◆ Task prompt ◆
Give again, word for word, each line from the top of the listing through the line that holds "#167=IFCLOCALPLACEMENT(#14,#2);".

◆ Information provided ◆
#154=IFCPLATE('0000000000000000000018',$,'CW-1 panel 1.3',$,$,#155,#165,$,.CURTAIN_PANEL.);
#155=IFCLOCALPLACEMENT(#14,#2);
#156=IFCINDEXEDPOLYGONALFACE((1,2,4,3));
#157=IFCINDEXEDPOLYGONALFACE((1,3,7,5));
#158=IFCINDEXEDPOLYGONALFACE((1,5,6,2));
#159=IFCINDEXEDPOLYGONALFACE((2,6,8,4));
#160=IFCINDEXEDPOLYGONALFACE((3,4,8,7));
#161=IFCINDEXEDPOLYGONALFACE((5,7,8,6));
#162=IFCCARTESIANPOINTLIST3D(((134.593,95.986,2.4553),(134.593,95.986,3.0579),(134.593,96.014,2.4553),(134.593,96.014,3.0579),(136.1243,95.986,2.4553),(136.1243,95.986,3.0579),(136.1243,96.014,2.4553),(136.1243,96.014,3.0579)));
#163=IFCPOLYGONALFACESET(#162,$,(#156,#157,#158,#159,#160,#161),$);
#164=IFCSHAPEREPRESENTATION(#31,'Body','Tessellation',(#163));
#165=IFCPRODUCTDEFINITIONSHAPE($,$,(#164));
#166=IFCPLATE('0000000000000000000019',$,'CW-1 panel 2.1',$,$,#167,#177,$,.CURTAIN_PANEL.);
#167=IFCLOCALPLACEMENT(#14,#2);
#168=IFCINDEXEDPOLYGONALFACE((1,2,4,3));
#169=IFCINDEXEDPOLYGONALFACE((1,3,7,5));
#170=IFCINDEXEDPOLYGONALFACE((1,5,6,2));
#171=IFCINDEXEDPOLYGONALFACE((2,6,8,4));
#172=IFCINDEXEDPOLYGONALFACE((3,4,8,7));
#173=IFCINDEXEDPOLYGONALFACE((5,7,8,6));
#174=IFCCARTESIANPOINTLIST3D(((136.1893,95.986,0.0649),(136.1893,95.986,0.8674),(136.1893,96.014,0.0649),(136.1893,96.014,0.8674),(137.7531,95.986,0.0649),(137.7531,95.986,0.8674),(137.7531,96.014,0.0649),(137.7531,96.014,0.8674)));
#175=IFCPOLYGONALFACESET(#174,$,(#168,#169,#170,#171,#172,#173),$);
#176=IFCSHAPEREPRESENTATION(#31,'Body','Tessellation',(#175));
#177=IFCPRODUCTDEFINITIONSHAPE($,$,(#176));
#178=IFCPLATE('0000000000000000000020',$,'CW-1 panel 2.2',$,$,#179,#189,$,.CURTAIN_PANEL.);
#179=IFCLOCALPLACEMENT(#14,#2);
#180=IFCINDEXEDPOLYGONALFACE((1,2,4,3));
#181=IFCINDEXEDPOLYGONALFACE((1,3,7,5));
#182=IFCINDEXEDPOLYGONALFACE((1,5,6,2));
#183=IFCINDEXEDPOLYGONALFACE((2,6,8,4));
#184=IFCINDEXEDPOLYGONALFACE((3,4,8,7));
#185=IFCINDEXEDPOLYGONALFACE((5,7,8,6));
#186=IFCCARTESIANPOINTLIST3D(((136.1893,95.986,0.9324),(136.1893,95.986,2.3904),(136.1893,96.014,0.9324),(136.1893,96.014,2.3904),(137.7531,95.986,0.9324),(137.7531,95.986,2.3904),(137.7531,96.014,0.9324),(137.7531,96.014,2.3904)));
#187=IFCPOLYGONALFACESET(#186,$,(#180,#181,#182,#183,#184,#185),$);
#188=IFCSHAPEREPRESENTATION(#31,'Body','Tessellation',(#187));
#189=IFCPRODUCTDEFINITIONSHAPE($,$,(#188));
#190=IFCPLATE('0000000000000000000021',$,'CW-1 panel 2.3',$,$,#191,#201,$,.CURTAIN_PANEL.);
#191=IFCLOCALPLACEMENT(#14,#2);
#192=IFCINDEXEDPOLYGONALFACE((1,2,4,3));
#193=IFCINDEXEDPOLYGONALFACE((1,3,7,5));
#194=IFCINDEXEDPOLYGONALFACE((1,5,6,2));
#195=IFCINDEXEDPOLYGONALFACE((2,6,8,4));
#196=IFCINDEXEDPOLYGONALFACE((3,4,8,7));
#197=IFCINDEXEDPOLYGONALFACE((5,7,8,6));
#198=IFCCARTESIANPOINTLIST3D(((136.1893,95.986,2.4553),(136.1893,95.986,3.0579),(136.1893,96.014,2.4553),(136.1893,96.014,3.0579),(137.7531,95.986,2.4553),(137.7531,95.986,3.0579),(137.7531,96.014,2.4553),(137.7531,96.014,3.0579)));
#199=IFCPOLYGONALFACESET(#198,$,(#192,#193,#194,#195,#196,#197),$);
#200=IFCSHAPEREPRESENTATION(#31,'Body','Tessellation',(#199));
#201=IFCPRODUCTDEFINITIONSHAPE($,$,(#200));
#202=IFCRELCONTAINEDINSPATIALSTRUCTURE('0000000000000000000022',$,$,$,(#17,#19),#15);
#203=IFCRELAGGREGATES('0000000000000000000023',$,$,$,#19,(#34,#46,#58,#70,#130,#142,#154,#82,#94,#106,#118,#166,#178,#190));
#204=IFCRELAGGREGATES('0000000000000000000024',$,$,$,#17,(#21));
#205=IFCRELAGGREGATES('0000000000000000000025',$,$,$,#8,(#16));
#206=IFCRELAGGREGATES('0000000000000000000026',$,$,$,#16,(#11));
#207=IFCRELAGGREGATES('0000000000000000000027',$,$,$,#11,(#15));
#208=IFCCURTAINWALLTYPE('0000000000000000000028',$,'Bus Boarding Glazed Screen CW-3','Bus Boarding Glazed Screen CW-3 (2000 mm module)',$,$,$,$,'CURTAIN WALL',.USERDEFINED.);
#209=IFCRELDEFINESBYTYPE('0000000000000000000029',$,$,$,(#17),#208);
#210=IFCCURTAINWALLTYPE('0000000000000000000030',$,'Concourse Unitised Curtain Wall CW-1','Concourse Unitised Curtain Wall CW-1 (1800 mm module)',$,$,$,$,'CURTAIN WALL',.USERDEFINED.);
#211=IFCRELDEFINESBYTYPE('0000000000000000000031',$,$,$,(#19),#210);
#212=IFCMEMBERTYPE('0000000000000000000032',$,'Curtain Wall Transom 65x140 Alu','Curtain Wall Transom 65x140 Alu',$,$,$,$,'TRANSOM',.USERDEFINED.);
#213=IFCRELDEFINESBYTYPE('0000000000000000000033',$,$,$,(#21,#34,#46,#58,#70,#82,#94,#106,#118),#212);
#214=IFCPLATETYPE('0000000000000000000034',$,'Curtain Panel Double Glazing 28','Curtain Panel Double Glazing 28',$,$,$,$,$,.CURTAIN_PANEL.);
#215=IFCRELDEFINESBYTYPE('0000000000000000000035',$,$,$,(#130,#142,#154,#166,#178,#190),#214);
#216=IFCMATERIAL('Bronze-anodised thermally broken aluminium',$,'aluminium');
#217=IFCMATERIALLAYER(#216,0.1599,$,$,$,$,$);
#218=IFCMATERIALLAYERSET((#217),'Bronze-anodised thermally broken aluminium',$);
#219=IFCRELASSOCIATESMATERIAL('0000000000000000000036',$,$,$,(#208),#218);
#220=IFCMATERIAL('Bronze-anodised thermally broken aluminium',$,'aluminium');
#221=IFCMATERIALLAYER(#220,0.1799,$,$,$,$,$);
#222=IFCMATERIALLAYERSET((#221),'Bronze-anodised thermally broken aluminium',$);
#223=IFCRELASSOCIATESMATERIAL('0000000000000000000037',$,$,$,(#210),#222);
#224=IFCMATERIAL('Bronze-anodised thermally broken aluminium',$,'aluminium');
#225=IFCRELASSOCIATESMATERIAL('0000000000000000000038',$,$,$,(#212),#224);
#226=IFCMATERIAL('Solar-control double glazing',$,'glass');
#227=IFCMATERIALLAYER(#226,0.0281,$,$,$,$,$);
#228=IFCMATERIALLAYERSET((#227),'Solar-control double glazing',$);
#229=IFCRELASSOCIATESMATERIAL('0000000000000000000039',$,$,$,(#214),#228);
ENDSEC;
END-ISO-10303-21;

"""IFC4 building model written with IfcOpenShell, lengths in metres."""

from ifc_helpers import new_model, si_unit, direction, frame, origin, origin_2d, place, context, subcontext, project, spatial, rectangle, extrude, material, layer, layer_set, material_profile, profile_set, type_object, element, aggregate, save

◆ Solution for this problem ◆
#154=IFCPLATE('0000000000000000000018',$,'CW-1 panel 1.3',$,$,#155,#165,$,.CURTAIN_PANEL.);
#155=IFCLOCALPLACEMENT(#14,#2);
#156=IFCINDEXEDPOLYGONALFACE((1,2,4,3));
#157=IFCINDEXEDPOLYGONALFACE((1,3,7,5));
#158=IFCINDEXEDPOLYGONALFACE((1,5,6,2));
#159=IFCINDEXEDPOLYGONALFACE((2,6,8,4));
#160=IFCINDEXEDPOLYGONALFACE((3,4,8,7));
#161=IFCINDEXEDPOLYGONALFACE((5,7,8,6));
#162=IFCCARTESIANPOINTLIST3D(((134.593,95.986,2.4553),(134.593,95.986,3.0579),(134.593,96.014,2.4553),(134.593,96.014,3.0579),(136.1243,95.986,2.4553),(136.1243,95.986,3.0579),(136.1243,96.014,2.4553),(136.1243,96.014,3.0579)));
#163=IFCPOLYGONALFACESET(#162,$,(#156,#157,#158,#159,#160,#161),$);
#164=IFCSHAPEREPRESENTATION(#31,'Body','Tessellation',(#163));
#165=IFCPRODUCTDEFINITIONSHAPE($,$,(#164));
#166=IFCPLATE('0000000000000000000019',$,'CW-1 panel 2.1',$,$,#167,#177,$,.CURTAIN_PANEL.);
#167=IFCLOCALPLACEMENT(#14,#2);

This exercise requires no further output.